(Collected data entries)
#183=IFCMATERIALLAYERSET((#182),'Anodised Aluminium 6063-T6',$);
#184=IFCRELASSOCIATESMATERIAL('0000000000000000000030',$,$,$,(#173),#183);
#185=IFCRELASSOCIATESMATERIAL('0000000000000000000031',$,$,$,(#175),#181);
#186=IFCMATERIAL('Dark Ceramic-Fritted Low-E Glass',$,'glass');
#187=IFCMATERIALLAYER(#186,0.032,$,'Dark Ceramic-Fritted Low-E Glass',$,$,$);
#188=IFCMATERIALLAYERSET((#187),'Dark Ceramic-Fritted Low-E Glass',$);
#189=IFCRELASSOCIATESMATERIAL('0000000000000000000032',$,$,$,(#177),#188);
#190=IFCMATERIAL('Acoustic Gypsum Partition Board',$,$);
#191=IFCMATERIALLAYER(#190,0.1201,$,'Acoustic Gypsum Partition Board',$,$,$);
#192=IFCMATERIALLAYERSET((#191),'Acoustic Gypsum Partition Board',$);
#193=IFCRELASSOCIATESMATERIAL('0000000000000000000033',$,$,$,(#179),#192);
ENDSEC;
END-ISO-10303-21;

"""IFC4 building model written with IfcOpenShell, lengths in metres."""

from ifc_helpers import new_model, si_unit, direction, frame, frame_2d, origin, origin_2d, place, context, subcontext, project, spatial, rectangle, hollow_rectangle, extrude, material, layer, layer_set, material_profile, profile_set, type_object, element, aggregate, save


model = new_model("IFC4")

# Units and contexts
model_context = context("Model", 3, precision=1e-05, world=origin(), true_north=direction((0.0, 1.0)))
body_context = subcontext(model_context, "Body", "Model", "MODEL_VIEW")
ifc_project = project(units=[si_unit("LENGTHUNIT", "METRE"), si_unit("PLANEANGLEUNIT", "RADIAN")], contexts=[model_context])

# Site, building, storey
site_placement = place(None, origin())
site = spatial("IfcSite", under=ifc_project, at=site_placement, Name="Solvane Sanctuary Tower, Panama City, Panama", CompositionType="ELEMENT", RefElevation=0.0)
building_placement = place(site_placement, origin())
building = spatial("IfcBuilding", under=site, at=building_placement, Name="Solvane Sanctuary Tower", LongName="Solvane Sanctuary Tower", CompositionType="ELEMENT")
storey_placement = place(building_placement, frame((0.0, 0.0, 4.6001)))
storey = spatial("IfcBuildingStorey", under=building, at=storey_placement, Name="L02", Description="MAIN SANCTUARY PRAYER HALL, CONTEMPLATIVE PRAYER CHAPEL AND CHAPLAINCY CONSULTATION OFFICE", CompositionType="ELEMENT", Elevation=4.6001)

● Task description: From the first line to the last, write out the data exactly.

● Reply to the task:
#183=IFCMATERIALLAYERSET((#182),'Anodised Aluminium 6063-T6',$);
#184=IFCRELASSOCIATESMATERIAL('0000000000000000000030',$,$,$,(#173),#183);
#185=IFCRELASSOCIATESMATERIAL('0000000000000000000031',$,$,$,(#175),#181);
#186=IFCMATERIAL('Dark Ceramic-Fritted Low-E Glass',$,'glass');
#187=IFCMATERIALLAYER(#186,0.032,$,'Dark Ceramic-Fritted Low-E Glass',$,$,$);
#188=IFCMATERIALLAYERSET((#187),'Dark Ceramic-Fritted Low-E Glass',$);
#189=IFCRELASSOCIATESMATERIAL('0000000000000000000032',$,$,$,(#177),#188);
#190=IFCMATERIAL('Acoustic Gypsum Partition Board',$,$);
#191=IFCMATERIALLAYER(#190,0.1201,$,'Acoustic Gypsum Partition Board',$,$,$);
#192=IFCMATERIALLAYERSET((#191),'Acoustic Gypsum Partition Board',$);
#193=IFCRELASSOCIATESMATERIAL('0000000000000000000033',$,$,$,(#179),#192);
ENDSEC;
END-ISO-10303-21;

"""IFC4 building model written with IfcOpenShell, lengths in metres."""

from ifc_helpers import new_model, si_unit, direction, frame, frame_2d, origin, origin_2d, place, context, subcontext, project, spatial, rectangle, hollow_rectangle, extrude, material, layer, layer_set, material_profile, profile_set, type_object, element, aggregate, save


model = new_model("IFC4")

# Units and contexts
model_context = context("Model", 3, precision=1e-05, world=origin(), true_north=direction((0.0, 1.0)))
body_context = subcontext(model_context, "Body", "Model", "MODEL_VIEW")
ifc_project = project(units=[si_unit("LENGTHUNIT", "METRE"), si_unit("PLANEANGLEUNIT", "RADIAN")], contexts=[model_context])

# Site, building, storey
site_placement = place(None, origin())
site = spatial("IfcSite", under=ifc_project, at=site_placement, Name="Solvane Sanctuary Tower, Panama City, Panama", CompositionType="ELEMENT", RefElevation=0.0)
building_placement = place(site_placement, origin())
building = spatial("IfcBuilding", under=site, at=building_placement, Name="Solvane Sanctuary Tower", LongName="Solvane Sanctuary Tower", CompositionType="ELEMENT")
storey_placement = place(building_placement, frame((0.0, 0.0, 4.6001)))
storey = spatial("IfcBuildingStorey", under=building, at=storey_placement, Name="L02", Description="MAIN SANCTUARY PRAYER HALL, CONTEMPLATIVE PRAYER CHAPEL AND CHAPLAINCY CONSULTATION OFFICE", CompositionType="ELEMENT", Elevation=4.6001)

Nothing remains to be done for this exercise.